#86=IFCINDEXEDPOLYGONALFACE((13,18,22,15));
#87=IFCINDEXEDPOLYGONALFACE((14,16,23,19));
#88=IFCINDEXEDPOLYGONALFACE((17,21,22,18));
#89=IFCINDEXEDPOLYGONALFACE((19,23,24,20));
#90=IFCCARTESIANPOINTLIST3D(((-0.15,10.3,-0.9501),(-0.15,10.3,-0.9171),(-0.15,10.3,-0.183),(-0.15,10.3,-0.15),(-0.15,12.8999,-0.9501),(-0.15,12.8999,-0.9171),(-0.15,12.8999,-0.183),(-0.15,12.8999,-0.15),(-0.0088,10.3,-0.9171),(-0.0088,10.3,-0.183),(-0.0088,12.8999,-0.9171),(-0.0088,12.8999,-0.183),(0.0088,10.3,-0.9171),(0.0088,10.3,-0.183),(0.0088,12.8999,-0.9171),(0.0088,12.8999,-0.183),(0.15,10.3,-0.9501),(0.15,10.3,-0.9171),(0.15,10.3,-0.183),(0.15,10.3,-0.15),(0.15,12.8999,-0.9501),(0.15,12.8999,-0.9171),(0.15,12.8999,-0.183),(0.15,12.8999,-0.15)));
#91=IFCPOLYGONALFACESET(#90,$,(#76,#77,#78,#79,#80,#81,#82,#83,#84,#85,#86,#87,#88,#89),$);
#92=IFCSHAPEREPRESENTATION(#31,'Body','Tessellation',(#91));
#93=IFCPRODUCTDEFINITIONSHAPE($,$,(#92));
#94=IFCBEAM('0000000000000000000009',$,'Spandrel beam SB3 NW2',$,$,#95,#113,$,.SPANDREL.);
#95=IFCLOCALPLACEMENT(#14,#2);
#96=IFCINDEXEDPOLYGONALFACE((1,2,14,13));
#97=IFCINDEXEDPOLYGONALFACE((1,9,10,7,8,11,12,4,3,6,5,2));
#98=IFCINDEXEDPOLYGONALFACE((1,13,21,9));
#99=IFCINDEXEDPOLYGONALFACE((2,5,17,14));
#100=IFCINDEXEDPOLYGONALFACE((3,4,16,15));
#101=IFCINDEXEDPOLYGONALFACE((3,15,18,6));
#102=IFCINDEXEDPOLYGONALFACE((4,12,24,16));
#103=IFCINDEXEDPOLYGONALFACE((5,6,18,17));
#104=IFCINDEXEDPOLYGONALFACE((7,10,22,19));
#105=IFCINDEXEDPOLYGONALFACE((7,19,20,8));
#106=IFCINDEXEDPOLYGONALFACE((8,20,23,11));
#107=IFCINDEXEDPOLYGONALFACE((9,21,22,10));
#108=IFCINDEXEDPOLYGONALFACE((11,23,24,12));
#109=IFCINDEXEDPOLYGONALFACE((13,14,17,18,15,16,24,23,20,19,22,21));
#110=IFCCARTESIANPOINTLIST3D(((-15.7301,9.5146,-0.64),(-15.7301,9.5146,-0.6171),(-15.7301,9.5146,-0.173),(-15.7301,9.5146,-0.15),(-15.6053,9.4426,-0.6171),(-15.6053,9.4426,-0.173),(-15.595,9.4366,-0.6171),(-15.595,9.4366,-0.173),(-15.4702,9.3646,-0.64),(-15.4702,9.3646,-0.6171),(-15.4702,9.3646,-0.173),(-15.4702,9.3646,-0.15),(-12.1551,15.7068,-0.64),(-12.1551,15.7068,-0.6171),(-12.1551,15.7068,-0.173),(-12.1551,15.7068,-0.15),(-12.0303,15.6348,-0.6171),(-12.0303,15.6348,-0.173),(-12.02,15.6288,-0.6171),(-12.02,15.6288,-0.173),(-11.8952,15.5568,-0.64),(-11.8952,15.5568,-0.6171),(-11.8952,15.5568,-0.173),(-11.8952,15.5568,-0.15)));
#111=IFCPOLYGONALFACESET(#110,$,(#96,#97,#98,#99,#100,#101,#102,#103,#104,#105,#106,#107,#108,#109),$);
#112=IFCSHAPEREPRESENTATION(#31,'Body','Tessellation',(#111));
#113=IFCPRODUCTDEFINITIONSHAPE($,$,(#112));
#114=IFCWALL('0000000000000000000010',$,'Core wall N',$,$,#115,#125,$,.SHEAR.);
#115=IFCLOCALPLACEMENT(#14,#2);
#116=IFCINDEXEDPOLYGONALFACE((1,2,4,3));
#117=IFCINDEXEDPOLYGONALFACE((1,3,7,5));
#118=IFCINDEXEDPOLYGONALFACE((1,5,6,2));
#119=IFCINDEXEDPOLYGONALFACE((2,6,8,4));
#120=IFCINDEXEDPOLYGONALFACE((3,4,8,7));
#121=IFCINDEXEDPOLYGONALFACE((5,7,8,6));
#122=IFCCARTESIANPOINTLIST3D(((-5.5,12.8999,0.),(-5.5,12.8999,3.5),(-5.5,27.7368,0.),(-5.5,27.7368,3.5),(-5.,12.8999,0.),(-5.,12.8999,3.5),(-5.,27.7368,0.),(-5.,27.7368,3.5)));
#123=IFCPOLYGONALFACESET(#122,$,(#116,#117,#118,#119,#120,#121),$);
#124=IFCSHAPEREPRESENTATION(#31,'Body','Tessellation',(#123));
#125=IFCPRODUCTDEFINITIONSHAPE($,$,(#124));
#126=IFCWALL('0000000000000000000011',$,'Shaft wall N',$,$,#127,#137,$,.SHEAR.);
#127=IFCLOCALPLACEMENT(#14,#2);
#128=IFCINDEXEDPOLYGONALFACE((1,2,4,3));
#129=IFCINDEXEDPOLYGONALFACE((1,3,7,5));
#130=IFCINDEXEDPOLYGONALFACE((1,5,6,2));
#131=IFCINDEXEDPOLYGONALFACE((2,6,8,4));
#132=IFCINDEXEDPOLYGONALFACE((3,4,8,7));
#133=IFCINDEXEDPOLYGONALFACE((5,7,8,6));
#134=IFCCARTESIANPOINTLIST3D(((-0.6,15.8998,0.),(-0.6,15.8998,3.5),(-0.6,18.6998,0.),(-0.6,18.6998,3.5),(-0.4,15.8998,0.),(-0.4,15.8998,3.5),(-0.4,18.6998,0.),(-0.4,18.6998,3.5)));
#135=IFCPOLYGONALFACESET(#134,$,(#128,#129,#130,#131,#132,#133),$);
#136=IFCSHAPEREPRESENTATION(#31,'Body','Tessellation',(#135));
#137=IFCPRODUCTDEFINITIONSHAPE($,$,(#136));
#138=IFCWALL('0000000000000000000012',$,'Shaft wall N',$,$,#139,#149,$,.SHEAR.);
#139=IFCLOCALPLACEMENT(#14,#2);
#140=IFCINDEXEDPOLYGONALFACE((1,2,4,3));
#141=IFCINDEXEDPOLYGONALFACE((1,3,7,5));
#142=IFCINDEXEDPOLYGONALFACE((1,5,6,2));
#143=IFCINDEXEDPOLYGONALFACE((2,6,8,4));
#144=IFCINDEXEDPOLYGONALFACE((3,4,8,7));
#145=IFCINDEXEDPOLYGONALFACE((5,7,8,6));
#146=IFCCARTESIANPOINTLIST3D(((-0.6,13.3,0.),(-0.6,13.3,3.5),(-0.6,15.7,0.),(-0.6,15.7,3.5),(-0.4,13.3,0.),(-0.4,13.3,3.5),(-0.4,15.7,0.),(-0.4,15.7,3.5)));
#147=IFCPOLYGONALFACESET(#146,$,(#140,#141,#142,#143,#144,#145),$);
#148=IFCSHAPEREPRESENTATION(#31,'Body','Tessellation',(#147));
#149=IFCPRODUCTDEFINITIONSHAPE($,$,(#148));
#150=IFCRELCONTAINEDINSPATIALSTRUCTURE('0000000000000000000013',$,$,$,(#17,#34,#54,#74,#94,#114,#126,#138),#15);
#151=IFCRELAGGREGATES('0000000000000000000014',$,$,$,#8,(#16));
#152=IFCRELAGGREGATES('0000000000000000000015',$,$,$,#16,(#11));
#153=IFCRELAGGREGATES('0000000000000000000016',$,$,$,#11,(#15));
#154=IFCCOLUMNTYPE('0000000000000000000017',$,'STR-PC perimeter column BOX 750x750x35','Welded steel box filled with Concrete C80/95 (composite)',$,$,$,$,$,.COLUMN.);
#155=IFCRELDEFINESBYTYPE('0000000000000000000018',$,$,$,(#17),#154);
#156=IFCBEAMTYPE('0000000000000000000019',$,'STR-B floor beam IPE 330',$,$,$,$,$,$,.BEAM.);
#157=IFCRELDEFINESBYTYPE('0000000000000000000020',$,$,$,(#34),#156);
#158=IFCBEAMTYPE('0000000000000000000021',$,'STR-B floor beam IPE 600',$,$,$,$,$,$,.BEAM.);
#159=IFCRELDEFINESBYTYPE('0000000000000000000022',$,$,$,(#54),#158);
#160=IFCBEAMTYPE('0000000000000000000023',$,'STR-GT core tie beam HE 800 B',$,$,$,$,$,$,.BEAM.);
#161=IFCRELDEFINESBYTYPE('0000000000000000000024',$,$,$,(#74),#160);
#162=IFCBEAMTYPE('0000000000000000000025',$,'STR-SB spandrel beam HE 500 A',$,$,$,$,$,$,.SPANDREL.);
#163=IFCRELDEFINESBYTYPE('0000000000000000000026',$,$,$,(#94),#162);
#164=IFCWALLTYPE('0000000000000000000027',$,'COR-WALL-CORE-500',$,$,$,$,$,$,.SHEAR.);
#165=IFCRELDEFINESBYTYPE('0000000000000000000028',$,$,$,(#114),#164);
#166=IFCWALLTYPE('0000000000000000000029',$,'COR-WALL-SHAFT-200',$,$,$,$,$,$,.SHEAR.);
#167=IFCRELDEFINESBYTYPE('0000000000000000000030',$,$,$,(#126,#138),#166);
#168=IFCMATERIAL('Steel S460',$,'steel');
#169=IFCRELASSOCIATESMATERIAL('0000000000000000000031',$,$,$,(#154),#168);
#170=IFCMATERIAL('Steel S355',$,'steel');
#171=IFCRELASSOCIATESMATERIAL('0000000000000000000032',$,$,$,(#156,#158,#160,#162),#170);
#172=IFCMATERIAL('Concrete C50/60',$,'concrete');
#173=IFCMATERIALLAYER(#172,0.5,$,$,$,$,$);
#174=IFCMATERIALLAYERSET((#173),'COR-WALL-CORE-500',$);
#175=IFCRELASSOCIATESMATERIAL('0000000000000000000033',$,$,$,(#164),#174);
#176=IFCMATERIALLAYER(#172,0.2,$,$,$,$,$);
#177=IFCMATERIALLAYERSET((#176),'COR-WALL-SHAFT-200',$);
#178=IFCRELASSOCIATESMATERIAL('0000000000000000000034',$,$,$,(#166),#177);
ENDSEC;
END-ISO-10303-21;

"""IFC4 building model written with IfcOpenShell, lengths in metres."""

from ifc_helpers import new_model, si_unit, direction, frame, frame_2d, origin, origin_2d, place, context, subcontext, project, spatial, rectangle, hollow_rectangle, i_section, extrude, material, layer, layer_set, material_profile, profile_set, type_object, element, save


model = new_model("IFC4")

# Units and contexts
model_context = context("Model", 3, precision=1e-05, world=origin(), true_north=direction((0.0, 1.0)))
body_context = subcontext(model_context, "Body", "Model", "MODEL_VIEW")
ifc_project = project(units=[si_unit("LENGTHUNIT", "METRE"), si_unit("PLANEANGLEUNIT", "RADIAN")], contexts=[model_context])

+---+

Please copy out every line of the preceding listing that carries "beam".

#94=IFCBEAM('0000000000000000000009',$,'Spandrel beam SB3 NW2',$,$,#95,#113,$,.SPANDREL.);
#156=IFCBEAMTYPE('0000000000000000000019',$,'STR-B floor beam IPE 330',$,$,$,$,$,$,.BEAM.);
#158=IFCBEAMTYPE('0000000000000000000021',$,'STR-B floor beam IPE 600',$,$,$,$,$,$,.BEAM.);
#160=IFCBEAMTYPE('0000000000000000000023',$,'STR-GT core tie beam HE 800 B',$,$,$,$,$,$,.BEAM.);
#162=IFCBEAMTYPE('0000000000000000000025',$,'STR-SB spandrel beam HE 500 A',$,$,$,$,$,$,.SPANDREL.);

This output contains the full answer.